[Records provided Boundary: Start]

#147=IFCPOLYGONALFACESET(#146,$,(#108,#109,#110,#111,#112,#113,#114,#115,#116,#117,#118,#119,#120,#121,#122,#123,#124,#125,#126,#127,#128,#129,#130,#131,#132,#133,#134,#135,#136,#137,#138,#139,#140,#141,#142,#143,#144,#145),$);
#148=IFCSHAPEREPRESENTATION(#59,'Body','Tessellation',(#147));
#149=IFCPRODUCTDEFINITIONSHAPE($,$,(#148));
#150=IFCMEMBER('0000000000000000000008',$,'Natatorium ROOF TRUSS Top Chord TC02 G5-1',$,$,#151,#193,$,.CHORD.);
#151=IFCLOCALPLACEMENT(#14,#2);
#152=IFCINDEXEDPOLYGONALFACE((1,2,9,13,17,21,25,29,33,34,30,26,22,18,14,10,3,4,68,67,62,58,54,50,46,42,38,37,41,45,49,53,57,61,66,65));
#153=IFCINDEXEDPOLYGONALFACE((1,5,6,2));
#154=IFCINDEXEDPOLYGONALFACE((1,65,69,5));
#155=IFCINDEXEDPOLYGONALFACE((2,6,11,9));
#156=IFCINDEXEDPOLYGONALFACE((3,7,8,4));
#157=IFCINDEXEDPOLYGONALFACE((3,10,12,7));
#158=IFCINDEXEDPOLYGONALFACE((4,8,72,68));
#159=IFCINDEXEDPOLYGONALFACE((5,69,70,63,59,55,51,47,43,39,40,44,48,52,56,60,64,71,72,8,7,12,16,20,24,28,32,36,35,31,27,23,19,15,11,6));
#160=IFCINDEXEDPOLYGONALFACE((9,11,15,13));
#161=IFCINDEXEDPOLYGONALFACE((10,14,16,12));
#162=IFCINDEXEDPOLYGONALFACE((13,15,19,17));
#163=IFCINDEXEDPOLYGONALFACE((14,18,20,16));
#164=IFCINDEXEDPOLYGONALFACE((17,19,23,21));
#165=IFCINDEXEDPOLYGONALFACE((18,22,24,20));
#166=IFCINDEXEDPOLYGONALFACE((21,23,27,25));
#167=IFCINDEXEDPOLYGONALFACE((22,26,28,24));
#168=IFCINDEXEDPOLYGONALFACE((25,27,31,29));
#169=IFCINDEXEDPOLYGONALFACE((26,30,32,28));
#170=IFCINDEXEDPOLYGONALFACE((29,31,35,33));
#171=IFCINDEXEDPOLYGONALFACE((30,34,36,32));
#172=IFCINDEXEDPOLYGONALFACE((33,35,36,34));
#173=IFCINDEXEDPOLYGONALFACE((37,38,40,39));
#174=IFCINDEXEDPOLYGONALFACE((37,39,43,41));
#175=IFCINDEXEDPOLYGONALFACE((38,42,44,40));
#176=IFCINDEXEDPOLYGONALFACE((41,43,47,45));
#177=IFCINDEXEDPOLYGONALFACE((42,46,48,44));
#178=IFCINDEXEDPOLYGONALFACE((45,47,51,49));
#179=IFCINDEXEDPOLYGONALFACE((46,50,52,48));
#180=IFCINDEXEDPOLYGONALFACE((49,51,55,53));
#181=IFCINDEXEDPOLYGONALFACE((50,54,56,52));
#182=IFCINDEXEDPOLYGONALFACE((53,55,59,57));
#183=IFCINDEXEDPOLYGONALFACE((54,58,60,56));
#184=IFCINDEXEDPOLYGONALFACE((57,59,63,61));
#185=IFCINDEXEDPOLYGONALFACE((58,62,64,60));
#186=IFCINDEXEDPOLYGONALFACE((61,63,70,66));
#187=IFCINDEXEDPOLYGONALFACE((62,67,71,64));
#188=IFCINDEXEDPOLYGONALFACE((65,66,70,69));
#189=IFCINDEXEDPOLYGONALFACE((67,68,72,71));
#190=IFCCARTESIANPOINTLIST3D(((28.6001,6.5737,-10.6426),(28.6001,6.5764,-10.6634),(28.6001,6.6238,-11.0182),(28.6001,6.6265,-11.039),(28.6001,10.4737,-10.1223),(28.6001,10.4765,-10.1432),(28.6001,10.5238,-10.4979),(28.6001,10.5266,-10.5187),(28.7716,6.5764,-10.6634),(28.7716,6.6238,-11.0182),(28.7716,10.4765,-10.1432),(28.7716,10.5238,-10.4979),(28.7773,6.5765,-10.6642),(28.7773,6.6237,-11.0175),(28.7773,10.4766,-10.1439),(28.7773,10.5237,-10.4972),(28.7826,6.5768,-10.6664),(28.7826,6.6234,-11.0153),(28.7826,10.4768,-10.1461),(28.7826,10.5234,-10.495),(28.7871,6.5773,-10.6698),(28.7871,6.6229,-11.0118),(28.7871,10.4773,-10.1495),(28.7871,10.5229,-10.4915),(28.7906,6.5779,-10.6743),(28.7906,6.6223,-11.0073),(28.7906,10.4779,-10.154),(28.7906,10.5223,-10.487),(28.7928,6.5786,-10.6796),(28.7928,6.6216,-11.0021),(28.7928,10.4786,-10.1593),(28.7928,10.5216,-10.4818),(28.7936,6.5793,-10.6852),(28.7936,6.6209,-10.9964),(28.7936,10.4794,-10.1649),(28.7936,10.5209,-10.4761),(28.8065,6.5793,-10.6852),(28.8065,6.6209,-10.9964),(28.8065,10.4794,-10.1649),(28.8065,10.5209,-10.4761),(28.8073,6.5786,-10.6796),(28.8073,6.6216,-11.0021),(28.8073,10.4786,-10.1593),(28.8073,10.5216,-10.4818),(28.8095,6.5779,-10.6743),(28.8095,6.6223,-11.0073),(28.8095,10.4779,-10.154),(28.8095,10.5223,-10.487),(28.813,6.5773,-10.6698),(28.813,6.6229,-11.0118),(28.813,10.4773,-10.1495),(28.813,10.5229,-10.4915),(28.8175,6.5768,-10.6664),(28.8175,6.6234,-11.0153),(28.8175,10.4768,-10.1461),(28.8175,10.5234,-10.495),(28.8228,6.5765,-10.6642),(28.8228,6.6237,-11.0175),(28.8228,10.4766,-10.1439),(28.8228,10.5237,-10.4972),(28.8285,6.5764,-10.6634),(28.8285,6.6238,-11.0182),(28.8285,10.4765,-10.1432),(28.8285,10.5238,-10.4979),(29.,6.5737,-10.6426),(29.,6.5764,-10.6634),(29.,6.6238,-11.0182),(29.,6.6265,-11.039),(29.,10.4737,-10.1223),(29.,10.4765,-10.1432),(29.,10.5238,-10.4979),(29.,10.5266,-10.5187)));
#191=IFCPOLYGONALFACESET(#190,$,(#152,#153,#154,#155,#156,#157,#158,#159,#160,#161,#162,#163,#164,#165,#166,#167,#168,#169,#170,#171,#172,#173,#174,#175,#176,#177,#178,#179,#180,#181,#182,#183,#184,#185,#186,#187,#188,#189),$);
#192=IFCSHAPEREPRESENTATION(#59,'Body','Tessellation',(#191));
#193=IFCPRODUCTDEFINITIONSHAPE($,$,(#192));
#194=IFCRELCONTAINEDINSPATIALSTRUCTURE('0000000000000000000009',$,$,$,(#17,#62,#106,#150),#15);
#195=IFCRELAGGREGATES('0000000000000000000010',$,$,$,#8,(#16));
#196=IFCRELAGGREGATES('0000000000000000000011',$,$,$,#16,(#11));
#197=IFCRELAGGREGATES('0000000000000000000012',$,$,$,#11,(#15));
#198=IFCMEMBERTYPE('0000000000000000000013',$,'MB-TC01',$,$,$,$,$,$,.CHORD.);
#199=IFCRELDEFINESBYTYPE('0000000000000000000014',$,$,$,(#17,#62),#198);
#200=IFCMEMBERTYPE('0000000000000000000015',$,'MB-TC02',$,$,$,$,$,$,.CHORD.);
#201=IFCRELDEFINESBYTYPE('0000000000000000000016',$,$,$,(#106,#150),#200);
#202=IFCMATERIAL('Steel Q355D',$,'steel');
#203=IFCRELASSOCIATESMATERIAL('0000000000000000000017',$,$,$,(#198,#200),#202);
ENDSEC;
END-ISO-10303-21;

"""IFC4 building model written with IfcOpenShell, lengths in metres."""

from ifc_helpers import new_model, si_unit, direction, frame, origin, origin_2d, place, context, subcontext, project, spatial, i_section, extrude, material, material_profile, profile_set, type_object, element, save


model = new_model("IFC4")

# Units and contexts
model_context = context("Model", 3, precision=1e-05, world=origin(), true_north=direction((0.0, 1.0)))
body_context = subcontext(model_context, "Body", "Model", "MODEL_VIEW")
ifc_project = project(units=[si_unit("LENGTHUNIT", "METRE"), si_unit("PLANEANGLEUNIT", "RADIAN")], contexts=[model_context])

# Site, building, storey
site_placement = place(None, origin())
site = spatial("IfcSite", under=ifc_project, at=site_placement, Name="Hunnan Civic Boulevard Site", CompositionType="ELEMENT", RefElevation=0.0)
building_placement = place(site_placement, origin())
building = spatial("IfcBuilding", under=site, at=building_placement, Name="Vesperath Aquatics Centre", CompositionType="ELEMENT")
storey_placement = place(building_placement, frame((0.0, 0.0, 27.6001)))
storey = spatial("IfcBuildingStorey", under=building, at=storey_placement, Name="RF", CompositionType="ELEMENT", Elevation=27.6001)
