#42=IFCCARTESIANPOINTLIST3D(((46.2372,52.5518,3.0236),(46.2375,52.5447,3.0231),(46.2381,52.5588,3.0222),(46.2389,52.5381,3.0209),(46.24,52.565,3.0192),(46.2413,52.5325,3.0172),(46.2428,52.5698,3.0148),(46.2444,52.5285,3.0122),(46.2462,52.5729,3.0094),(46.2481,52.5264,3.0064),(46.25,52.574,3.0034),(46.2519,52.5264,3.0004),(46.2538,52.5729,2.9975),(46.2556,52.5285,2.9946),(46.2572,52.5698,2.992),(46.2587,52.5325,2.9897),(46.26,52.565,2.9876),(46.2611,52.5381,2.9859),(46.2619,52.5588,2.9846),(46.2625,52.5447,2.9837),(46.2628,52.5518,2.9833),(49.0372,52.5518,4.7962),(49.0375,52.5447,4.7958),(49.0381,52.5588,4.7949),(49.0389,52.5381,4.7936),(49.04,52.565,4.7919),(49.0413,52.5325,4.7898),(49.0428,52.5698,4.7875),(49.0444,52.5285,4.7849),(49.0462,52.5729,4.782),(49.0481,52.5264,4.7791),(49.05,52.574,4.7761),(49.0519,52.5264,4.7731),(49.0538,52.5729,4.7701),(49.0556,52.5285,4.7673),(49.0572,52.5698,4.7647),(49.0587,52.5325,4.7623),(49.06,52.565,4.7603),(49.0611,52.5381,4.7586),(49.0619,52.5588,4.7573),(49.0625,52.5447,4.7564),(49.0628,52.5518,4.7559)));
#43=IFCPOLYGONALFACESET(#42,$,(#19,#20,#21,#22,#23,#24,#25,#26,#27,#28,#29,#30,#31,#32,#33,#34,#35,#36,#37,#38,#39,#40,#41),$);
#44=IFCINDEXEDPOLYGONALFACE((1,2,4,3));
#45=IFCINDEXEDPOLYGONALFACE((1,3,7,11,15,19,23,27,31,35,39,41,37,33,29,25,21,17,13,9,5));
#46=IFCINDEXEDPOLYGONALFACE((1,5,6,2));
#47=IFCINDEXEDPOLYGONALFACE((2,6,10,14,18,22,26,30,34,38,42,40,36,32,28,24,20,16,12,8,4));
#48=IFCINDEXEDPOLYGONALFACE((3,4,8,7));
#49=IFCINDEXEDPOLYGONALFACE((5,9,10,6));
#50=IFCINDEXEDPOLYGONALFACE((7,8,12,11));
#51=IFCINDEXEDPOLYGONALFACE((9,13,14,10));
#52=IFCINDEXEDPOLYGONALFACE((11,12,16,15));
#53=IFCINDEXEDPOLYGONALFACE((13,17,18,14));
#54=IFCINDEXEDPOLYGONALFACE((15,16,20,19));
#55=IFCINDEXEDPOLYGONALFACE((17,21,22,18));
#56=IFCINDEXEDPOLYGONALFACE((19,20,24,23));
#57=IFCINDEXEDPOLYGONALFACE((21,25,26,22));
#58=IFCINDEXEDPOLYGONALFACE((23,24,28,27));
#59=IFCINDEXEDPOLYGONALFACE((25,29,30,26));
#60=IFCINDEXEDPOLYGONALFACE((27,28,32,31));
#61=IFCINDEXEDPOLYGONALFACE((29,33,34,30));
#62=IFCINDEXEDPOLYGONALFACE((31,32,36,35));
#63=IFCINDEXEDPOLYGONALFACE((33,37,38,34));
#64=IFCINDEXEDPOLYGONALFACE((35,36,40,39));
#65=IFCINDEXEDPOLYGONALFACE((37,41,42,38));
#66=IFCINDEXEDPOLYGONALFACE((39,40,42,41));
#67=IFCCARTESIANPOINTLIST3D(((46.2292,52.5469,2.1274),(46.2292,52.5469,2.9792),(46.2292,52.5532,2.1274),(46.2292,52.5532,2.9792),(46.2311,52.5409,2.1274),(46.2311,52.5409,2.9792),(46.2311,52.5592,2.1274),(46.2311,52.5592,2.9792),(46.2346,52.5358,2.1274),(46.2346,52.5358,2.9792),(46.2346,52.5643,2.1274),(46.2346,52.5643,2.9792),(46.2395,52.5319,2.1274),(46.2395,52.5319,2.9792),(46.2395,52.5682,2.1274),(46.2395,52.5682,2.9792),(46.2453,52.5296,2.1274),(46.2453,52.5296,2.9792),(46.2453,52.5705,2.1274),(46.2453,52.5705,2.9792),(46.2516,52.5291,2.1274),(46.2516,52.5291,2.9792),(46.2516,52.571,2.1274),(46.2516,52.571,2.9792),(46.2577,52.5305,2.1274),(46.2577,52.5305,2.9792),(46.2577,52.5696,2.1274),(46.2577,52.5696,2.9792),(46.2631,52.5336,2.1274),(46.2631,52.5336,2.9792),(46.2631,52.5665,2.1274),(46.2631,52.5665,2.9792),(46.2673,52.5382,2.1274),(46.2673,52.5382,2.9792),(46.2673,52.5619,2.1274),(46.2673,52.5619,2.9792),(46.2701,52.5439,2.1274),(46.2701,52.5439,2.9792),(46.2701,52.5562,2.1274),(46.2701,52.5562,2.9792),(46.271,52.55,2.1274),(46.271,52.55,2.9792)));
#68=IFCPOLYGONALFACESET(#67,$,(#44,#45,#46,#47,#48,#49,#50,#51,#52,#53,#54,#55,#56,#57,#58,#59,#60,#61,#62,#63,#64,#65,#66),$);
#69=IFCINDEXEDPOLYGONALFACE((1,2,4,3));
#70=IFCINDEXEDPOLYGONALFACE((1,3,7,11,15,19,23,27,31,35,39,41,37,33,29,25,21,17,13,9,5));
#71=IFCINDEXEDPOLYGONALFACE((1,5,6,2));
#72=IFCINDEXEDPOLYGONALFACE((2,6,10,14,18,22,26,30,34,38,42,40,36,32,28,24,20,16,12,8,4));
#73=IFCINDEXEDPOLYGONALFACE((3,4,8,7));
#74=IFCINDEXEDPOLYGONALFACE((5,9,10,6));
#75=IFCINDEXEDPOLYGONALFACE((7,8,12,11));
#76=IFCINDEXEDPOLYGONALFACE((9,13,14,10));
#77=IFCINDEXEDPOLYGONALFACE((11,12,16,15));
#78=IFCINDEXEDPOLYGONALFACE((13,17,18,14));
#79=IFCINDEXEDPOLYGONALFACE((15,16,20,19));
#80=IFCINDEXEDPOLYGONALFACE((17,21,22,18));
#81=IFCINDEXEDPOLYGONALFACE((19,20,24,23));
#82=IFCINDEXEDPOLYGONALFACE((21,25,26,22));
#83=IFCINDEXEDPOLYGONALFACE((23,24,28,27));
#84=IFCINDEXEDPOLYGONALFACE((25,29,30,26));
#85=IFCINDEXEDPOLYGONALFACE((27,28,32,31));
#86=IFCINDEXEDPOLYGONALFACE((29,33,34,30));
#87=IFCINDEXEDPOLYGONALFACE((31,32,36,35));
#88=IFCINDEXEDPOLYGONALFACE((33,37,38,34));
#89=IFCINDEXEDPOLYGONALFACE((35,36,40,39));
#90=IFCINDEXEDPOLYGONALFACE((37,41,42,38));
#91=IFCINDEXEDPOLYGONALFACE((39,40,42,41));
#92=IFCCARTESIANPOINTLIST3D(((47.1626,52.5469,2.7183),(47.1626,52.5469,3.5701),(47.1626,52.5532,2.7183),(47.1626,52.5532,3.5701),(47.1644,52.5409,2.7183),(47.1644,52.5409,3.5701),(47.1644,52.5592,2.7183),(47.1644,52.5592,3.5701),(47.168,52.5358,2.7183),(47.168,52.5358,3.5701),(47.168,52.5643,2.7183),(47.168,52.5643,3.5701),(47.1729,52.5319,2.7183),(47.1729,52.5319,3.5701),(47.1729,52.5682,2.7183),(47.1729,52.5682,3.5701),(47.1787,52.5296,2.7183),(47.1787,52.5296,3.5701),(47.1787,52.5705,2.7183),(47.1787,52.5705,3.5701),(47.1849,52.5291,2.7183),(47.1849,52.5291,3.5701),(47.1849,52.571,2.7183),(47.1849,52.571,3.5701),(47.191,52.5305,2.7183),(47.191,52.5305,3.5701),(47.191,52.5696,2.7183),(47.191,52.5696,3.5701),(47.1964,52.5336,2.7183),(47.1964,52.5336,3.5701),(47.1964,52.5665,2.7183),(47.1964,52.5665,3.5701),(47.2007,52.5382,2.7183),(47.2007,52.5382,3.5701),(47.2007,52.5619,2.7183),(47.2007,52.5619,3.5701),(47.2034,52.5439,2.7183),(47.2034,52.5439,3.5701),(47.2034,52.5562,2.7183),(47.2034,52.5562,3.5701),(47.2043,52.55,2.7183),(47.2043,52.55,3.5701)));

[Records provided Boundary: End]

The problem >> Please give back the records exactly as written, beginning at the first line and including the line that holds "#178=IFCINDEXEDPOLYGONALFACE((45,47,51,49));" as the last.

Exercise output >>
#147=IFCPOLYGONALFACESET(#146,$,(#108,#109,#110,#111,#112,#113,#114,#115,#116,#117,#118,#119,#120,#121,#122,#123,#124,#125,#126,#127,#128,#129,#130,#131,#132,#133,#134,#135,#136,#137,#138,#139,#140,#141,#142,#143,#144,#145),$);
#148=IFCSHAPEREPRESENTATION(#59,'Body','Tessellation',(#147));
#149=IFCPRODUCTDEFINITIONSHAPE($,$,(#148));
#150=IFCMEMBER('0000000000000000000008',$,'Natatorium ROOF TRUSS Top Chord TC02 G5-1',$,$,#151,#193,$,.CHORD.);
#151=IFCLOCALPLACEMENT(#14,#2);
#152=IFCINDEXEDPOLYGONALFACE((1,2,9,13,17,21,25,29,33,34,30,26,22,18,14,10,3,4,68,67,62,58,54,50,46,42,38,37,41,45,49,53,57,61,66,65));
#153=IFCINDEXEDPOLYGONALFACE((1,5,6,2));
#154=IFCINDEXEDPOLYGONALFACE((1,65,69,5));
#155=IFCINDEXEDPOLYGONALFACE((2,6,11,9));
#156=IFCINDEXEDPOLYGONALFACE((3,7,8,4));
#157=IFCINDEXEDPOLYGONALFACE((3,10,12,7));
#158=IFCINDEXEDPOLYGONALFACE((4,8,72,68));
#159=IFCINDEXEDPOLYGONALFACE((5,69,70,63,59,55,51,47,43,39,40,44,48,52,56,60,64,71,72,8,7,12,16,20,24,28,32,36,35,31,27,23,19,15,11,6));
#160=IFCINDEXEDPOLYGONALFACE((9,11,15,13));
#161=IFCINDEXEDPOLYGONALFACE((10,14,16,12));
#162=IFCINDEXEDPOLYGONALFACE((13,15,19,17));
#163=IFCINDEXEDPOLYGONALFACE((14,18,20,16));
#164=IFCINDEXEDPOLYGONALFACE((17,19,23,21));
#165=IFCINDEXEDPOLYGONALFACE((18,22,24,20));
#166=IFCINDEXEDPOLYGONALFACE((21,23,27,25));
#167=IFCINDEXEDPOLYGONALFACE((22,26,28,24));
#168=IFCINDEXEDPOLYGONALFACE((25,27,31,29));
#169=IFCINDEXEDPOLYGONALFACE((26,30,32,28));
#170=IFCINDEXEDPOLYGONALFACE((29,31,35,33));
#171=IFCINDEXEDPOLYGONALFACE((30,34,36,32));
#172=IFCINDEXEDPOLYGONALFACE((33,35,36,34));
#173=IFCINDEXEDPOLYGONALFACE((37,38,40,39));
#174=IFCINDEXEDPOLYGONALFACE((37,39,43,41));
#175=IFCINDEXEDPOLYGONALFACE((38,42,44,40));
#176=IFCINDEXEDPOLYGONALFACE((41,43,47,45));
#177=IFCINDEXEDPOLYGONALFACE((42,46,48,44));
#178=IFCINDEXEDPOLYGONALFACE((45,47,51,49));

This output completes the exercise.